- Opening Delimiter -

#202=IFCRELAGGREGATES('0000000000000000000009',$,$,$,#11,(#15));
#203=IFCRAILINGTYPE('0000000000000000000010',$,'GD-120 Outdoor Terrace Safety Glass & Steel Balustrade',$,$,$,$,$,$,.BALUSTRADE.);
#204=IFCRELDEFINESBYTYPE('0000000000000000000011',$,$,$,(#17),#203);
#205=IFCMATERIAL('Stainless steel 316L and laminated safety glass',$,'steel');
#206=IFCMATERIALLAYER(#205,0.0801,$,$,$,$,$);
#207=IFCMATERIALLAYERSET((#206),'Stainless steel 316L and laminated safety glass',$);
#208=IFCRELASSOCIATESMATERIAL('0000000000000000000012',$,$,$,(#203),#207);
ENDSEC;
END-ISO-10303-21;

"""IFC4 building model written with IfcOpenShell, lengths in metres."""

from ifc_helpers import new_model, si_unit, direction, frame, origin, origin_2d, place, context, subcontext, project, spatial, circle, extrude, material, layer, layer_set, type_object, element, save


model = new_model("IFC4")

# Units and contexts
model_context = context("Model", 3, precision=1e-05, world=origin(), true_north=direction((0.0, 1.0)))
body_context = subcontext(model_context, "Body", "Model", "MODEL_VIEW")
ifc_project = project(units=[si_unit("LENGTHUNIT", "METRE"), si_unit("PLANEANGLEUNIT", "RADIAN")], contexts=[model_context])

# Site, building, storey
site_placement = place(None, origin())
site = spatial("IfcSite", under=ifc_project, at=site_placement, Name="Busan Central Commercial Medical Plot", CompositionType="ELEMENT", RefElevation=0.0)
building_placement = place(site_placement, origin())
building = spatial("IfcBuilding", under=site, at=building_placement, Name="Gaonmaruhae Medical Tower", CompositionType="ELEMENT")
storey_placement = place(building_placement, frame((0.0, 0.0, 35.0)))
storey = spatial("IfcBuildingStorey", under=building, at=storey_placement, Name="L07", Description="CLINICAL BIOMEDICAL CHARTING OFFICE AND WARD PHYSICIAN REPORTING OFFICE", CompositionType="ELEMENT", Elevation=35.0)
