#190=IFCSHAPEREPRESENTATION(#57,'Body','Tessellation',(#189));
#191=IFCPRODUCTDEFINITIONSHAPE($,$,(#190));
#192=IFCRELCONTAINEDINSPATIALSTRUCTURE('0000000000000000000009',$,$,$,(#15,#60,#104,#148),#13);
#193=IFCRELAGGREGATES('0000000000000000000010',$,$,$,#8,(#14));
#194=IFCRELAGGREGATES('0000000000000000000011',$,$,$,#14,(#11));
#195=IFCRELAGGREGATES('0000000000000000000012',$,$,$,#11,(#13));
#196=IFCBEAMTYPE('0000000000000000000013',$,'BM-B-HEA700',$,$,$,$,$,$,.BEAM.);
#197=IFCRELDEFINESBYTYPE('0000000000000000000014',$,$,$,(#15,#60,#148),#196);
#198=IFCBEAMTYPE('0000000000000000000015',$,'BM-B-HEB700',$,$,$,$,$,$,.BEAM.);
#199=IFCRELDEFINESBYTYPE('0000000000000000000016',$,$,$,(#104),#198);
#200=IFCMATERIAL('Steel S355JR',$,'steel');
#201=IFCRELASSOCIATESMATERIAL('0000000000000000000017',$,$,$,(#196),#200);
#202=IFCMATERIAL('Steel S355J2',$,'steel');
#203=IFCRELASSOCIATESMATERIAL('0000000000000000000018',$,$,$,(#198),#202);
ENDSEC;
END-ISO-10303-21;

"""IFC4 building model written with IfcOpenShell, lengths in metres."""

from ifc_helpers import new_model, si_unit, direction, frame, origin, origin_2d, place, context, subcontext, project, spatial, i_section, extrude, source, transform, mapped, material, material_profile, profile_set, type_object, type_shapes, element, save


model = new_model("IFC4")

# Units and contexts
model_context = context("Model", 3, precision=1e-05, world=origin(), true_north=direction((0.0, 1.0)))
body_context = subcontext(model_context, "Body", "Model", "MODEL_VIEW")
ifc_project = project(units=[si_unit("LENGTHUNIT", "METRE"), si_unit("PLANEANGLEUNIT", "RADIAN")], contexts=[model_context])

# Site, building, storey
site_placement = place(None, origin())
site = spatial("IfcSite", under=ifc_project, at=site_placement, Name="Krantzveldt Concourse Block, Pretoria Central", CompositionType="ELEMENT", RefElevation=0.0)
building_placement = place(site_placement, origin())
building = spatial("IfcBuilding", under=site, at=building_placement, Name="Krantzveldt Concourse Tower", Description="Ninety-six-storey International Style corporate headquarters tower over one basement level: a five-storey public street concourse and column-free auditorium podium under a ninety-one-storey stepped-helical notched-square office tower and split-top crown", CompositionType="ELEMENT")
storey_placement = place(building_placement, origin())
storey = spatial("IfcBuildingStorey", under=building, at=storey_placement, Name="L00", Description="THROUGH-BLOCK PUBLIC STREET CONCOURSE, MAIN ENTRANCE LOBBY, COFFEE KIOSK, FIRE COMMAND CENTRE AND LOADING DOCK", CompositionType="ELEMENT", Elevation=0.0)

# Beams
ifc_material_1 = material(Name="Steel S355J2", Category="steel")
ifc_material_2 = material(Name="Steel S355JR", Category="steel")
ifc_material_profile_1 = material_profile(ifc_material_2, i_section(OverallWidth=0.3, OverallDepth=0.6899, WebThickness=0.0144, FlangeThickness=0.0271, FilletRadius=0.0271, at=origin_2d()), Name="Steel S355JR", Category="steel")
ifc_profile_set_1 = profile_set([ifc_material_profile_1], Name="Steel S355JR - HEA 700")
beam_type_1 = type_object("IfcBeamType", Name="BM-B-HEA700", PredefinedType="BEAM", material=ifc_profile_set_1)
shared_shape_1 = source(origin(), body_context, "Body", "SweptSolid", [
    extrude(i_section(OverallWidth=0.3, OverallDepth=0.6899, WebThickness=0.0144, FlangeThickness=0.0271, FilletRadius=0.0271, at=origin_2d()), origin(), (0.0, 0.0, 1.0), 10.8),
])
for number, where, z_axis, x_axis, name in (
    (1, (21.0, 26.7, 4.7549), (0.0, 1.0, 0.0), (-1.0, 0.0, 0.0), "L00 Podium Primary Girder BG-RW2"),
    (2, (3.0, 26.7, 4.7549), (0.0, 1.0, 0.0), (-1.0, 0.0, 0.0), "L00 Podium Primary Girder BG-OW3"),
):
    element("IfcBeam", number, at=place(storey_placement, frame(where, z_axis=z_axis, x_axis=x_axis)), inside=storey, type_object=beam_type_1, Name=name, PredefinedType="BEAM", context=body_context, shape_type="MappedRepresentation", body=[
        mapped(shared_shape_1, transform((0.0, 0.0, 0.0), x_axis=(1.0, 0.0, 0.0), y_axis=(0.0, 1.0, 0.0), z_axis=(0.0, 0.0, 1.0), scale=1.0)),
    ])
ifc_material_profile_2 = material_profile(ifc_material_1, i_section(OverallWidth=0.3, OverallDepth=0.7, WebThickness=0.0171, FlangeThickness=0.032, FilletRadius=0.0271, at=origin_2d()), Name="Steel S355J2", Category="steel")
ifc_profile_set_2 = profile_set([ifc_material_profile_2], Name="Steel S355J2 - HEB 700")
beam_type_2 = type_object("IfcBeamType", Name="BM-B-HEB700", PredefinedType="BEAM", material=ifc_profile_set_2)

- Closing Delimiter -

■ **Task brief**:
Print only the lines that run from the start of the listing to the line bearing "#205=IFCMATERIAL('Stainless steel 316L"; please keep the first line and that last one, exactly as they appear.

■ **Reply to the exercise**:
#202=IFCRELAGGREGATES('0000000000000000000009',$,$,$,#11,(#15));
#203=IFCRAILINGTYPE('0000000000000000000010',$,'GD-120 Outdoor Terrace Safety Glass & Steel Balustrade',$,$,$,$,$,$,.BALUSTRADE.);
#204=IFCRELDEFINESBYTYPE('0000000000000000000011',$,$,$,(#17),#203);
#205=IFCMATERIAL('Stainless steel 316L and laminated safety glass',$,'steel');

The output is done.